→ **What you are asked to do**
The expected output is a verbatim reprint of the lines from the beginning of the data that follows through the line that contains "building model written".

(Saved data entries)
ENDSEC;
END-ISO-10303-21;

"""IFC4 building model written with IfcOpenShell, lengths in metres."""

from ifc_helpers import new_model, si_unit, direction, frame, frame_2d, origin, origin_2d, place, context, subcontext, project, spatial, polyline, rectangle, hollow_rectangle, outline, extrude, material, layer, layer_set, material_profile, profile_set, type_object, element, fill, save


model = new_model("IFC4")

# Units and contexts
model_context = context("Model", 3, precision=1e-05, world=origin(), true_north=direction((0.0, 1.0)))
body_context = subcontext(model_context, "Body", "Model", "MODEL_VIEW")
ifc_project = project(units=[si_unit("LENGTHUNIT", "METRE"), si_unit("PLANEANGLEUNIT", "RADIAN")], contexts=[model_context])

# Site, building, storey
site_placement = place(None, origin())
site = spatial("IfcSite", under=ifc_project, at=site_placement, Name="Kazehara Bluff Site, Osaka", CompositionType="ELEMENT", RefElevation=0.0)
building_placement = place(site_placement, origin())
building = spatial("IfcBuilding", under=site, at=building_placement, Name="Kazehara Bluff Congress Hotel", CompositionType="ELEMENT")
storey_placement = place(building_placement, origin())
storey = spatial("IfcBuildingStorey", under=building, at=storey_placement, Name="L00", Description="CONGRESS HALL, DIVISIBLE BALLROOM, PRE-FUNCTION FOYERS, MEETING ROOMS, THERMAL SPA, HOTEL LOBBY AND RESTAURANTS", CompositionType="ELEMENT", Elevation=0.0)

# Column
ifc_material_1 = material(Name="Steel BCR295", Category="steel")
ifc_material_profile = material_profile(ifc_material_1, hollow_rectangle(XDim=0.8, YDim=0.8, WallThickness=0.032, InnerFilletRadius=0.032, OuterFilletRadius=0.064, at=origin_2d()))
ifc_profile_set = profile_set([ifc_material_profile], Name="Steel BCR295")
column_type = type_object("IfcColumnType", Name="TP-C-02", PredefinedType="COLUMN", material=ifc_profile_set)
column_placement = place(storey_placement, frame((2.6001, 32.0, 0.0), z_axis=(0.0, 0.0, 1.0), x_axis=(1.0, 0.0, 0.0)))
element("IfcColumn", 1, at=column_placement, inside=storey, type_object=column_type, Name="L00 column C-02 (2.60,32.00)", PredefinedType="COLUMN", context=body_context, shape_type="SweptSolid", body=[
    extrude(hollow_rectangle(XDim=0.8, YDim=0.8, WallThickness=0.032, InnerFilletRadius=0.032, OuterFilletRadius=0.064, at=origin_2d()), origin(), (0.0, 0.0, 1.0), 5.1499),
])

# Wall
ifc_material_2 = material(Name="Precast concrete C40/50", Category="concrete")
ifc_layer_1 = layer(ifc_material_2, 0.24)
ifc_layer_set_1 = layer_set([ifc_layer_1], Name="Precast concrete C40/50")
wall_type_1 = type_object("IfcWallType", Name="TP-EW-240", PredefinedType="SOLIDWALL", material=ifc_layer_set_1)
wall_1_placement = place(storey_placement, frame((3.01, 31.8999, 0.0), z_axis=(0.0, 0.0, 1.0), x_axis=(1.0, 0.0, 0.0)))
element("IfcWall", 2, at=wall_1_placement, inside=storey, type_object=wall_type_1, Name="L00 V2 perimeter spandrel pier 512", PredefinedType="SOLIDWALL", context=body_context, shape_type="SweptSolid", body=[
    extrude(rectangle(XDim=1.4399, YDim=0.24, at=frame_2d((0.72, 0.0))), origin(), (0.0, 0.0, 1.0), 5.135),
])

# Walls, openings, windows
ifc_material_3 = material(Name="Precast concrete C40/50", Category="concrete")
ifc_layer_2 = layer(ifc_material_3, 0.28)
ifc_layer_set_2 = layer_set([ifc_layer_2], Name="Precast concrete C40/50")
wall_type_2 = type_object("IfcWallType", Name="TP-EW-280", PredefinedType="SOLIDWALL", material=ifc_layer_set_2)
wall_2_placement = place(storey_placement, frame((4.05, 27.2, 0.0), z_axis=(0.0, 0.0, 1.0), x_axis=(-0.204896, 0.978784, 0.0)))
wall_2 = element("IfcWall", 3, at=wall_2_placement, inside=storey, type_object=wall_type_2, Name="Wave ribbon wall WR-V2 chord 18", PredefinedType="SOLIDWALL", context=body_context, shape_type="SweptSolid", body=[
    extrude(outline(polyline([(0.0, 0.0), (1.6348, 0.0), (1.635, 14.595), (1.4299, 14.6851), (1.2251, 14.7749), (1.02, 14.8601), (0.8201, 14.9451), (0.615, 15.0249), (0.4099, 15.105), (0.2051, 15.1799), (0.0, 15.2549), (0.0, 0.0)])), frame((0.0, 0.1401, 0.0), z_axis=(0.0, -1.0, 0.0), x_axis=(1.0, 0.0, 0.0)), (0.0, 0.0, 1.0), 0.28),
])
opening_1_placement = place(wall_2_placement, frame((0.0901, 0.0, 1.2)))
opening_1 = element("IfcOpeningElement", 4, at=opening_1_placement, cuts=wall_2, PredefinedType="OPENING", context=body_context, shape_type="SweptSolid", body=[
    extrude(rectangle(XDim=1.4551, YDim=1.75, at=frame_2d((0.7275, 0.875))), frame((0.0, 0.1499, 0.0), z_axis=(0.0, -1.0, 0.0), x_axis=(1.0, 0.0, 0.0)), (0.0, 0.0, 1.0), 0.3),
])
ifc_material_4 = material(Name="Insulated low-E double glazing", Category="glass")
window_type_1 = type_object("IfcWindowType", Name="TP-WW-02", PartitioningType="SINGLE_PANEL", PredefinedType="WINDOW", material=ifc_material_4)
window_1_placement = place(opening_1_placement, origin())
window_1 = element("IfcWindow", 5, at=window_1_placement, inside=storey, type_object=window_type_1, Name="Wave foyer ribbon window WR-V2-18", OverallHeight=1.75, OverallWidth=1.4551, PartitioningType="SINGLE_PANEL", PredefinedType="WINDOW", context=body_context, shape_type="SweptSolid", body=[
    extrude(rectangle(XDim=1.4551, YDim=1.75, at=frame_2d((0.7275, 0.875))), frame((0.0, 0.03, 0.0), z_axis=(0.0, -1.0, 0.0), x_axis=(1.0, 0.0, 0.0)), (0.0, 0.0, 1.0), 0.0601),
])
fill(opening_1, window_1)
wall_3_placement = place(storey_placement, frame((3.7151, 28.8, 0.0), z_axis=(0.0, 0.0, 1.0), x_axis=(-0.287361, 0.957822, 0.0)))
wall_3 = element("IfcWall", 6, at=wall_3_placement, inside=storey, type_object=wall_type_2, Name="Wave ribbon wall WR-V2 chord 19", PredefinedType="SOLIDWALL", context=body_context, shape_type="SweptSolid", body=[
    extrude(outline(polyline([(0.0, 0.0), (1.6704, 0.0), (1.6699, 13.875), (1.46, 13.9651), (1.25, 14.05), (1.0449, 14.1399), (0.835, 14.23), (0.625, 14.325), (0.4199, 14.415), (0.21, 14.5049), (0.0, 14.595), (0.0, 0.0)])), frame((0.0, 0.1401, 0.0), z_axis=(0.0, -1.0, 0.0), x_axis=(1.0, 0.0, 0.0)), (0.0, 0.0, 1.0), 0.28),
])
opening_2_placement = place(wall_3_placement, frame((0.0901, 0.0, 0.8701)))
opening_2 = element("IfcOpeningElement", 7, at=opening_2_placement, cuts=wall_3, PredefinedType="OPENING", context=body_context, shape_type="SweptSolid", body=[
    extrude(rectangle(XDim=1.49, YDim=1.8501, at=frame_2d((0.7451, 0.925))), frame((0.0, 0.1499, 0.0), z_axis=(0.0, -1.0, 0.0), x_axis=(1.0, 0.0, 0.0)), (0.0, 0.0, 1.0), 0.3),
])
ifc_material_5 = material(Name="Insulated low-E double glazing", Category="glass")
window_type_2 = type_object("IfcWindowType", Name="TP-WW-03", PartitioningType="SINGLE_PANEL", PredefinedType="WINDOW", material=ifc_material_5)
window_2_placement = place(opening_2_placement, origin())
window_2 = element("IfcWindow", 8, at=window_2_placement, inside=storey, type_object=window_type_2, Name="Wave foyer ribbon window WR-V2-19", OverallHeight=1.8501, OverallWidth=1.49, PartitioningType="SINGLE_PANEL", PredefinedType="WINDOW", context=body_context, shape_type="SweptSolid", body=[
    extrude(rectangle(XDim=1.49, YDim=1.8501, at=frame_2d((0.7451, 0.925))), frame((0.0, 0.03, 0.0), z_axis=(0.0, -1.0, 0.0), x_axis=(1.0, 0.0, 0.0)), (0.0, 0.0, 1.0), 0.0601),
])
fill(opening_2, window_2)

→ **Result for this exercise**
ENDSEC;
END-ISO-10303-21;

"""IFC4 building model written with IfcOpenShell, lengths in metres."""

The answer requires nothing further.